The task
Give back, word for word, only the lines from the one containing "#148=IFCINDEXEDPOLYGONALFACE((3,4,8,7));" to the end of the listing below.

Data provided
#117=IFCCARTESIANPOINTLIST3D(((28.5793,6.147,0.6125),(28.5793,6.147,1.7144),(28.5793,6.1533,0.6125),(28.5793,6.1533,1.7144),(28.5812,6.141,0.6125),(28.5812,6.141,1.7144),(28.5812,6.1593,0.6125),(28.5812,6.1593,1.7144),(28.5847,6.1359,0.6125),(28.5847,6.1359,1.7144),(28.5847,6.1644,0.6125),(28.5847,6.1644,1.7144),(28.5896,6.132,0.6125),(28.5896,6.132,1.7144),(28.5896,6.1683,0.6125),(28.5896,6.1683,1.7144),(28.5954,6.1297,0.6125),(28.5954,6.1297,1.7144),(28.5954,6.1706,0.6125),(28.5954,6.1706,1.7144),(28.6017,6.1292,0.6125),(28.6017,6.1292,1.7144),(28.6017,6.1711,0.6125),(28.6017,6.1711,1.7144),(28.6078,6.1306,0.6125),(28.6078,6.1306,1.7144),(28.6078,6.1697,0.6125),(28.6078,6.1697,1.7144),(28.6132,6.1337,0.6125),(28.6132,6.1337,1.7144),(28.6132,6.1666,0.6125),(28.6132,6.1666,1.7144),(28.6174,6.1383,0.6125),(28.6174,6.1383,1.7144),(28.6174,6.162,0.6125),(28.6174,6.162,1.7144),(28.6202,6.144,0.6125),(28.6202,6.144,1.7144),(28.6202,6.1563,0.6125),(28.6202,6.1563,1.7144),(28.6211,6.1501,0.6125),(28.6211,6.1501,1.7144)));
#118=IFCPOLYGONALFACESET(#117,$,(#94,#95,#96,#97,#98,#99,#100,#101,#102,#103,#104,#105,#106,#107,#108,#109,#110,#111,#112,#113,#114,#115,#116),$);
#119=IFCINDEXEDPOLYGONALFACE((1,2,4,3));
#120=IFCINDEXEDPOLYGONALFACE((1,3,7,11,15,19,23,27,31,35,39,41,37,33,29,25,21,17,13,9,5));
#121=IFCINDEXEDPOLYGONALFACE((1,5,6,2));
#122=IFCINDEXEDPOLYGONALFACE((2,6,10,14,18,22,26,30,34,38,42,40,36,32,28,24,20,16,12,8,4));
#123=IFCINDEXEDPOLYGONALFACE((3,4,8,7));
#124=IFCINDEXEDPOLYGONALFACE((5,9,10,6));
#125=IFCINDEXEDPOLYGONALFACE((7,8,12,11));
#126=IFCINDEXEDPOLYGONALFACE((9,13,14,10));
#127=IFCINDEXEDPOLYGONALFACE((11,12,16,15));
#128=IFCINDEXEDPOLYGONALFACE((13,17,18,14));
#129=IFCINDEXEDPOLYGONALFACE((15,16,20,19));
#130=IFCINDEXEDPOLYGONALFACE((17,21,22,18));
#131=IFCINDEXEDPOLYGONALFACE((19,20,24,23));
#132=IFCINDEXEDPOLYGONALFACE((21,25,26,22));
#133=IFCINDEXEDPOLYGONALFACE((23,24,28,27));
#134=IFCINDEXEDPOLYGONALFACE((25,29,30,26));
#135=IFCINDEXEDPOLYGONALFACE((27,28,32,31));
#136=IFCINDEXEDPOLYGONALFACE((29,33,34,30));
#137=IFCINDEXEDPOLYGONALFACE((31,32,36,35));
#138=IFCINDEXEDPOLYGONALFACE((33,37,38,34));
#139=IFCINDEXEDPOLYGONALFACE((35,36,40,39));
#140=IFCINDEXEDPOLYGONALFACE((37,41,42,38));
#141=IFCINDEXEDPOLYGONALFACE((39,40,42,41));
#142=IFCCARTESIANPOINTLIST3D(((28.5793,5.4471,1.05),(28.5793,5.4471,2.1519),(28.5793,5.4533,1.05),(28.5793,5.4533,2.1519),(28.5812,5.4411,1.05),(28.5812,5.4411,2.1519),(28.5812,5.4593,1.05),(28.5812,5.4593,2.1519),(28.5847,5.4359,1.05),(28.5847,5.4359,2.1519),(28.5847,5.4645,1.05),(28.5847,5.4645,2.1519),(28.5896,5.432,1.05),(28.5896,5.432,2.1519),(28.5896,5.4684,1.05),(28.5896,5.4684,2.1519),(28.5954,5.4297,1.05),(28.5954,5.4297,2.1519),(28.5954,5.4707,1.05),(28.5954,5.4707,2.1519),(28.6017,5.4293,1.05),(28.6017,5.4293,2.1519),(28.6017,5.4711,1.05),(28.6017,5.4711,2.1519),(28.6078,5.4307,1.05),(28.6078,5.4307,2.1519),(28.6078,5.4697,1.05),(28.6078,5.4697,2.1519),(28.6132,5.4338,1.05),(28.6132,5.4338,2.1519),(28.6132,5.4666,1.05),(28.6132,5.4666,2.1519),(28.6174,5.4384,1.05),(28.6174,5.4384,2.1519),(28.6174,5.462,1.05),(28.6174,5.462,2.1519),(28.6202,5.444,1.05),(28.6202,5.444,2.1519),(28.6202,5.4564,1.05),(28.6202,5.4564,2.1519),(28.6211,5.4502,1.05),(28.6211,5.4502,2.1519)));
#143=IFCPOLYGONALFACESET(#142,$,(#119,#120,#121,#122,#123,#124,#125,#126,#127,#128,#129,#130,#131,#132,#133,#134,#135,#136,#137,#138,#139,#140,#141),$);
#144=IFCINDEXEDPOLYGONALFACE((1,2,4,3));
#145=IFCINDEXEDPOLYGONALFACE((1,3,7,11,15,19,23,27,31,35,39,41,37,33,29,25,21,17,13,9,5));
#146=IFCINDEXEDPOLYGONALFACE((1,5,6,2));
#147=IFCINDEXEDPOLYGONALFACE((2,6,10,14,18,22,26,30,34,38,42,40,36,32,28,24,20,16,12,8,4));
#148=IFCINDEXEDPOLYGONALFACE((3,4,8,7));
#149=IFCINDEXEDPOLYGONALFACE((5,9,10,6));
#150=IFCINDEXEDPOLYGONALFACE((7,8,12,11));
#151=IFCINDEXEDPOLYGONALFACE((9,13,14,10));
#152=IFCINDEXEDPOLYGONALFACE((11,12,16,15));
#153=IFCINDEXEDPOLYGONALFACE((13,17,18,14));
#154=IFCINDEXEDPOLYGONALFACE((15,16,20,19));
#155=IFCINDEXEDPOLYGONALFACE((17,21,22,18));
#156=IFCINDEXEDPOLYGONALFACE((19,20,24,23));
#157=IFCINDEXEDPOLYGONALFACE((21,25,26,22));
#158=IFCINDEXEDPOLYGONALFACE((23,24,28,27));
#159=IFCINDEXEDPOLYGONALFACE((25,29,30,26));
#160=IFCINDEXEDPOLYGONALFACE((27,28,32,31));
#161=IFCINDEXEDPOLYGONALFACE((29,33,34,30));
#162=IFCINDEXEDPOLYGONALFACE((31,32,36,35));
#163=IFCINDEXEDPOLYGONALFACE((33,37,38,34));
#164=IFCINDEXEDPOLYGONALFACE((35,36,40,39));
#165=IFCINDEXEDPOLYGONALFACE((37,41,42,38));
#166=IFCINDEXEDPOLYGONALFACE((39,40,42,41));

Answer to the exercise
#148=IFCINDEXEDPOLYGONALFACE((3,4,8,7));
#149=IFCINDEXEDPOLYGONALFACE((5,9,10,6));
#150=IFCINDEXEDPOLYGONALFACE((7,8,12,11));
#151=IFCINDEXEDPOLYGONALFACE((9,13,14,10));
#152=IFCINDEXEDPOLYGONALFACE((11,12,16,15));
#153=IFCINDEXEDPOLYGONALFACE((13,17,18,14));
#154=IFCINDEXEDPOLYGONALFACE((15,16,20,19));
#155=IFCINDEXEDPOLYGONALFACE((17,21,22,18));
#156=IFCINDEXEDPOLYGONALFACE((19,20,24,23));
#157=IFCINDEXEDPOLYGONALFACE((21,25,26,22));
#158=IFCINDEXEDPOLYGONALFACE((23,24,28,27));
#159=IFCINDEXEDPOLYGONALFACE((25,29,30,26));
#160=IFCINDEXEDPOLYGONALFACE((27,28,32,31));
#161=IFCINDEXEDPOLYGONALFACE((29,33,34,30));
#162=IFCINDEXEDPOLYGONALFACE((31,32,36,35));
#163=IFCINDEXEDPOLYGONALFACE((33,37,38,34));
#164=IFCINDEXEDPOLYGONALFACE((35,36,40,39));
#165=IFCINDEXEDPOLYGONALFACE((37,41,42,38));
#166=IFCINDEXEDPOLYGONALFACE((39,40,42,41));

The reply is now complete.